Collected data
Segment Open

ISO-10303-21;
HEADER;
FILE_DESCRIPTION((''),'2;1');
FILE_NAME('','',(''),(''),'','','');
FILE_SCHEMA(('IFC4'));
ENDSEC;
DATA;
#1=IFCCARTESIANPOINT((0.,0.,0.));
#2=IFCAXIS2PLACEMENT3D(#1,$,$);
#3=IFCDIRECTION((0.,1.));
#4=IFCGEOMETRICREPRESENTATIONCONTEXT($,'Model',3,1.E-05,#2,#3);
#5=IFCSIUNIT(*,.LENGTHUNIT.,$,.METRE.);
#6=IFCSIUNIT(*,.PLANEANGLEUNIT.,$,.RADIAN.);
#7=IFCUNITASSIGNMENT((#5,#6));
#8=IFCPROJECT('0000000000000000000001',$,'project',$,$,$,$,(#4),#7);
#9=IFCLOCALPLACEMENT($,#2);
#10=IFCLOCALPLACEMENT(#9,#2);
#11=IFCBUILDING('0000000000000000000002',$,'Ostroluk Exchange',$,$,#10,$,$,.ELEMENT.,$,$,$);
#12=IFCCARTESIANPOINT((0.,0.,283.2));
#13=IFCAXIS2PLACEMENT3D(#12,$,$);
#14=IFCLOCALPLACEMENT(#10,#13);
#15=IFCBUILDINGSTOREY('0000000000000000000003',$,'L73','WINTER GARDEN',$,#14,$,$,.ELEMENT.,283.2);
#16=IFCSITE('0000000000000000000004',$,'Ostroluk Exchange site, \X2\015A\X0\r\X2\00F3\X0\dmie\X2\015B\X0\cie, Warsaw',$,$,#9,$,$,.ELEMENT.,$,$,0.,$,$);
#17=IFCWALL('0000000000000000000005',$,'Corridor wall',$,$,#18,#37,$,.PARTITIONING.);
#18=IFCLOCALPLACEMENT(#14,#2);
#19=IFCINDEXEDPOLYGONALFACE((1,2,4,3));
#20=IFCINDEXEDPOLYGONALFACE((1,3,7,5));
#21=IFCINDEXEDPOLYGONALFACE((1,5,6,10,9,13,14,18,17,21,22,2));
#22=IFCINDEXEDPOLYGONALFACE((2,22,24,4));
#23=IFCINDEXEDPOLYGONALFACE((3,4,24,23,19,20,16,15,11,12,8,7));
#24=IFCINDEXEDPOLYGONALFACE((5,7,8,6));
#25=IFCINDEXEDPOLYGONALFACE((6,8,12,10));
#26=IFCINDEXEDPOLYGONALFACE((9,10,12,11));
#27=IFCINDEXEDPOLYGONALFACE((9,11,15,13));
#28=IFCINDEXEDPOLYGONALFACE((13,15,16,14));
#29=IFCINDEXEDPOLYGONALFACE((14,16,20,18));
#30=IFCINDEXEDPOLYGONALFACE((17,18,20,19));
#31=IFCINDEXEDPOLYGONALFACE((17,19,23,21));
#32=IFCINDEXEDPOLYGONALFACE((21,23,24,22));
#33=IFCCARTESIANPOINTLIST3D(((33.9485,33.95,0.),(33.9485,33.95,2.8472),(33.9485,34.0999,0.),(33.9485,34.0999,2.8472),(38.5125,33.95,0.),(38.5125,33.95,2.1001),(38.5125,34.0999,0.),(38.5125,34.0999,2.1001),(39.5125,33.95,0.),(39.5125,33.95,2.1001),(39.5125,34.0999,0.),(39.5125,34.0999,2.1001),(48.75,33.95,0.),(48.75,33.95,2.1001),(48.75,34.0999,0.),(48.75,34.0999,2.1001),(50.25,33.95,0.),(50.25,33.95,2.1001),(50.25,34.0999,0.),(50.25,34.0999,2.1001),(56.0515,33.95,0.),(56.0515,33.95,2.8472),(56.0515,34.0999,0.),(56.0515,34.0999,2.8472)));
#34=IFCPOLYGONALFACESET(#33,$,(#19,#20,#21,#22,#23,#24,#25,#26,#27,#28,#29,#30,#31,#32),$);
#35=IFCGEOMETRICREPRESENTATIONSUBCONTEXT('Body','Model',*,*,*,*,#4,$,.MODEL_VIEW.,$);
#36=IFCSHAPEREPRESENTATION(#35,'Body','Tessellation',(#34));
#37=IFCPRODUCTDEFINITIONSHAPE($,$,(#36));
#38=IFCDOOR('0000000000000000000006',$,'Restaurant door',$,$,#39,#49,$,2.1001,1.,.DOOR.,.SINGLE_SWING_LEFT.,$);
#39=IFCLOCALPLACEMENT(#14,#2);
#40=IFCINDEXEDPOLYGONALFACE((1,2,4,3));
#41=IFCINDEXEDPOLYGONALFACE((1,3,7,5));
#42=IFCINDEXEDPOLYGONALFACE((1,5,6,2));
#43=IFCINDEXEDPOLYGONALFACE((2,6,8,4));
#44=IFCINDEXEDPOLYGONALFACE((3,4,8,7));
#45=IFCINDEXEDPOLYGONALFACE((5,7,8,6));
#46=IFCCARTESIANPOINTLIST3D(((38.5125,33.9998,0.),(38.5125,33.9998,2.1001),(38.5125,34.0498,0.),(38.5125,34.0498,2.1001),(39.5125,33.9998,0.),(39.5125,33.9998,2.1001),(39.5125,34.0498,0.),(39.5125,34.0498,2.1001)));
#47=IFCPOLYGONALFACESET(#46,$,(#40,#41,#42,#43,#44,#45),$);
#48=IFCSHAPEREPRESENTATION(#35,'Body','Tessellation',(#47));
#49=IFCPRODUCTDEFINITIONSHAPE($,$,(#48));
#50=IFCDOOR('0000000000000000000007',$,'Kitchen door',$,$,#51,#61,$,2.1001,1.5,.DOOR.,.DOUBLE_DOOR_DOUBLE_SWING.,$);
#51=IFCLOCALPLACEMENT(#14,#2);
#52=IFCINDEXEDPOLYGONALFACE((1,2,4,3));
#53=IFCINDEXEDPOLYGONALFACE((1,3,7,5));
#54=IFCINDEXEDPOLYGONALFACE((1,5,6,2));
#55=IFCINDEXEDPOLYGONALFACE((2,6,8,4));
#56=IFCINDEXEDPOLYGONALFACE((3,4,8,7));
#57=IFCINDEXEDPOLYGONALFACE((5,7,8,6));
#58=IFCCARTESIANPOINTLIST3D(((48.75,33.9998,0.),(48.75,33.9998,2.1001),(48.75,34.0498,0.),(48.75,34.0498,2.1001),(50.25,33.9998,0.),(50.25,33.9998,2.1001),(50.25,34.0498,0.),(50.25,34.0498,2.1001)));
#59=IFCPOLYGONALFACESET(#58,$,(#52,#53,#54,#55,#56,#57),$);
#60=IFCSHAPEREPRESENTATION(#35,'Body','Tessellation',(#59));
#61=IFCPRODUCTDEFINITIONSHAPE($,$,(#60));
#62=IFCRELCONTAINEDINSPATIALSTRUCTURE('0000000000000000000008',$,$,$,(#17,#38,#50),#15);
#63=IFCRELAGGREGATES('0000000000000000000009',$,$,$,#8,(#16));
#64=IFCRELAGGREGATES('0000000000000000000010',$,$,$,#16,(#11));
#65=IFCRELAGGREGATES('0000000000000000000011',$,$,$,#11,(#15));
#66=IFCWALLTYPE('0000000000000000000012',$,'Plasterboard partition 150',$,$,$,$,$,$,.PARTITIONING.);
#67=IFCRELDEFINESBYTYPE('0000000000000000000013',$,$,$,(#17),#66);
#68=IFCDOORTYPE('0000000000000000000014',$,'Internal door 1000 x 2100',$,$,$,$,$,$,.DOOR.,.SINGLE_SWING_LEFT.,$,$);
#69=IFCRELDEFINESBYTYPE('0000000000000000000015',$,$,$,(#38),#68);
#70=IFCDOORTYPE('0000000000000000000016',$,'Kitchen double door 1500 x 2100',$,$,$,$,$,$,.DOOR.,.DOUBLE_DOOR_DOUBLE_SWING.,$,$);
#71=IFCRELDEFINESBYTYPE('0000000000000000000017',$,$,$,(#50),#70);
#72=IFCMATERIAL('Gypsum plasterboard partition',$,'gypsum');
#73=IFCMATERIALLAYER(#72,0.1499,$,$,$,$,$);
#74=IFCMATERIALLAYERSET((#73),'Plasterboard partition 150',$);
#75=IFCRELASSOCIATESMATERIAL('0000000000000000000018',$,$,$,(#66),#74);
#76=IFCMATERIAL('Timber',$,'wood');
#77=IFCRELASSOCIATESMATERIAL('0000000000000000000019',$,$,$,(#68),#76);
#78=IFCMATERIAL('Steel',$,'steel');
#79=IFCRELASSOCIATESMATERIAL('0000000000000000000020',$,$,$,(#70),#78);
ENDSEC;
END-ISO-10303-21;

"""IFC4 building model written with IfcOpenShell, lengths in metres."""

from ifc_helpers import new_model, si_unit, direction, frame, frame_2d, origin, place, context, subcontext, project, spatial, rectangle, extrude, material, layer, layer_set, type_object, element, fill, save


model = new_model("IFC4")

# Units and contexts
model_context = context("Model", 3, precision=1e-05, world=origin(), true_north=direction((0.0, 1.0)))
body_context = subcontext(model_context, "Body", "Model", "MODEL_VIEW")
ifc_project = project(units=[si_unit("LENGTHUNIT", "METRE"), si_unit("PLANEANGLEUNIT", "RADIAN")], contexts=[model_context])

# Site, building, storey
site_placement = place(None, origin())
site = spatial("IfcSite", under=ifc_project, at=site_placement, Name="Ostroluk Exchange site, Śródmieście, Warsaw", CompositionType="ELEMENT", RefElevation=0.0)
building_placement = place(site_placement, origin())
building = spatial("IfcBuilding", under=site, at=building_placement, Name="Ostroluk Exchange", CompositionType="ELEMENT")
storey_placement = place(building_placement, frame((0.0, 0.0, 283.2)))
storey = spatial("IfcBuildingStorey", under=building, at=storey_placement, Name="L73", Description="WINTER GARDEN", CompositionType="ELEMENT", Elevation=283.2)

# Wall, openings, doors
ifc_material_1 = material(Name="Gypsum plasterboard partition", Category="gypsum")
ifc_layer_1 = layer(ifc_material_1, 0.1499)
ifc_layer_set_1 = layer_set([ifc_layer_1], Name="Plasterboard partition 150")
wall_type_1 = type_object("IfcWallType", Name="Plasterboard partition 150", PredefinedType="PARTITIONING", material=ifc_layer_set_1)
wall_1_placement = place(storey_placement, frame((33.9485, 34.0249, 0.0), z_axis=(0.0, 0.0, 1.0), x_axis=(1.0, 0.0, 0.0)))
wall_1 = element("IfcWall", 1, at=wall_1_placement, inside=storey, type_object=wall_type_1, Name="Corridor wall", PredefinedType="PARTITIONING", context=body_context, shape_type="SweptSolid", body=[
    extrude(rectangle(XDim=22.103, YDim=0.1499, at=frame_2d((11.0515, 0.0))), origin(), (0.0, 0.0, 1.0), 2.8472),
])
opening_1_placement = place(wall_1_placement, frame((4.564, 0.0, 0.0)))
opening_1 = element("IfcOpeningElement", 2, at=opening_1_placement, cuts=wall_1, PredefinedType="OPENING", context=body_context, shape_type="SweptSolid", body=[
    extrude(rectangle(XDim=1.0, YDim=2.1001, at=frame_2d((0.5, 1.05))), frame((0.0, 0.085, 0.0), z_axis=(0.0, -1.0, 0.0), x_axis=(1.0, 0.0, 0.0)), (0.0, 0.0, 1.0), 0.1699),
])
opening_2_placement = place(wall_1_placement, frame((14.8015, 0.0, 0.0)))
opening_2 = element("IfcOpeningElement", 3, at=opening_2_placement, cuts=wall_1, PredefinedType="OPENING", context=body_context, shape_type="SweptSolid", body=[
    extrude(rectangle(XDim=1.5, YDim=2.1001, at=frame_2d((0.75, 1.05))), frame((0.0, 0.085, 0.0), z_axis=(0.0, -1.0, 0.0), x_axis=(1.0, 0.0, 0.0)), (0.0, 0.0, 1.0), 0.1699),
])
ifc_material_2 = material(Name="Timber", Category="wood")
door_type_1 = type_object("IfcDoorType", Name="Internal door 1000 x 2100", OperationType="SINGLE_SWING_LEFT", PredefinedType="DOOR", material=ifc_material_2)
door_1_placement = place(opening_1_placement, origin())
door_1 = element("IfcDoor", 4, at=door_1_placement, inside=storey, type_object=door_type_1, Name="Restaurant door", OperationType="SINGLE_SWING_LEFT", OverallHeight=2.1001, OverallWidth=1.0, PredefinedType="DOOR", context=body_context, shape_type="SweptSolid", body=[
    extrude(rectangle(XDim=1.0, YDim=2.1001, at=frame_2d((0.5, 1.05))), frame((0.0, 0.0249, 0.0), z_axis=(0.0, -1.0, 0.0), x_axis=(1.0, 0.0, 0.0)), (0.0, 0.0, 1.0), 0.05),
])
fill(opening_1, door_1)
ifc_material_3 = material(Name="Steel", Category="steel")
door_type_2 = type_object("IfcDoorType", Name="Kitchen double door 1500 x 2100", OperationType="DOUBLE_DOOR_DOUBLE_SWING", PredefinedType="DOOR", material=ifc_material_3)
door_2_placement = place(opening_2_placement, origin())
door_2 = element("IfcDoor", 5, at=door_2_placement, inside=storey, type_object=door_type_2, Name="Kitchen door", OperationType="DOUBLE_DOOR_DOUBLE_SWING", OverallHeight=2.1001, OverallWidth=1.5, PredefinedType="DOOR", context=body_context, shape_type="SweptSolid", body=[
    extrude(rectangle(XDim=1.5, YDim=2.1001, at=frame_2d((0.75, 1.05))), frame((0.0, 0.0249, 0.0), z_axis=(0.0, -1.0, 0.0), x_axis=(1.0, 0.0, 0.0)), (0.0, 0.0, 1.0), 0.05),
])
fill(opening_2, door_2)

save(model, "model.ifc")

Segment Closed

As listed above, the lines from the line with "#13=IFCAXIS2PLACEMENT3D(#12,$,$);" to the line with "#45=IFCINDEXEDPOLYGONALFACE((5,7,8,6));" are to be echoed exactly, with both ends included and nothing added.

#13=IFCAXIS2PLACEMENT3D(#12,$,$);
#14=IFCLOCALPLACEMENT(#10,#13);
#15=IFCBUILDINGSTOREY('0000000000000000000003',$,'L73','WINTER GARDEN',$,#14,$,$,.ELEMENT.,283.2);
#16=IFCSITE('0000000000000000000004',$,'Ostroluk Exchange site, \X2\015A\X0\r\X2\00F3\X0\dmie\X2\015B\X0\cie, Warsaw',$,$,#9,$,$,.ELEMENT.,$,$,0.,$,$);
#17=IFCWALL('0000000000000000000005',$,'Corridor wall',$,$,#18,#37,$,.PARTITIONING.);
#18=IFCLOCALPLACEMENT(#14,#2);
#19=IFCINDEXEDPOLYGONALFACE((1,2,4,3));
#20=IFCINDEXEDPOLYGONALFACE((1,3,7,5));
#21=IFCINDEXEDPOLYGONALFACE((1,5,6,10,9,13,14,18,17,21,22,2));
#22=IFCINDEXEDPOLYGONALFACE((2,22,24,4));
#23=IFCINDEXEDPOLYGONALFACE((3,4,24,23,19,20,16,15,11,12,8,7));
#24=IFCINDEXEDPOLYGONALFACE((5,7,8,6));
#25=IFCINDEXEDPOLYGONALFACE((6,8,12,10));
#26=IFCINDEXEDPOLYGONALFACE((9,10,12,11));
#27=IFCINDEXEDPOLYGONALFACE((9,11,15,13));
#28=IFCINDEXEDPOLYGONALFACE((13,15,16,14));
#29=IFCINDEXEDPOLYGONALFACE((14,16,20,18));
#30=IFCINDEXEDPOLYGONALFACE((17,18,20,19));
#31=IFCINDEXEDPOLYGONALFACE((17,19,23,21));
#32=IFCINDEXEDPOLYGONALFACE((21,23,24,22));
#33=IFCCARTESIANPOINTLIST3D(((33.9485,33.95,0.),(33.9485,33.95,2.8472),(33.9485,34.0999,0.),(33.9485,34.0999,2.8472),(38.5125,33.95,0.),(38.5125,33.95,2.1001),(38.5125,34.0999,0.),(38.5125,34.0999,2.1001),(39.5125,33.95,0.),(39.5125,33.95,2.1001),(39.5125,34.0999,0.),(39.5125,34.0999,2.1001),(48.75,33.95,0.),(48.75,33.95,2.1001),(48.75,34.0999,0.),(48.75,34.0999,2.1001),(50.25,33.95,0.),(50.25,33.95,2.1001),(50.25,34.0999,0.),(50.25,34.0999,2.1001),(56.0515,33.95,0.),(56.0515,33.95,2.8472),(56.0515,34.0999,0.),(56.0515,34.0999,2.8472)));
#34=IFCPOLYGONALFACESET(#33,$,(#19,#20,#21,#22,#23,#24,#25,#26,#27,#28,#29,#30,#31,#32),$);
#35=IFCGEOMETRICREPRESENTATIONSUBCONTEXT('Body','Model',*,*,*,*,#4,$,.MODEL_VIEW.,$);
#36=IFCSHAPEREPRESENTATION(#35,'Body','Tessellation',(#34));
#37=IFCPRODUCTDEFINITIONSHAPE($,$,(#36));
#38=IFCDOOR('0000000000000000000006',$,'Restaurant door',$,$,#39,#49,$,2.1001,1.,.DOOR.,.SINGLE_SWING_LEFT.,$);
#39=IFCLOCALPLACEMENT(#14,#2);
#40=IFCINDEXEDPOLYGONALFACE((1,2,4,3));
#41=IFCINDEXEDPOLYGONALFACE((1,3,7,5));
#42=IFCINDEXEDPOLYGONALFACE((1,5,6,2));
#43=IFCINDEXEDPOLYGONALFACE((2,6,8,4));
#44=IFCINDEXEDPOLYGONALFACE((3,4,8,7));
#45=IFCINDEXEDPOLYGONALFACE((5,7,8,6));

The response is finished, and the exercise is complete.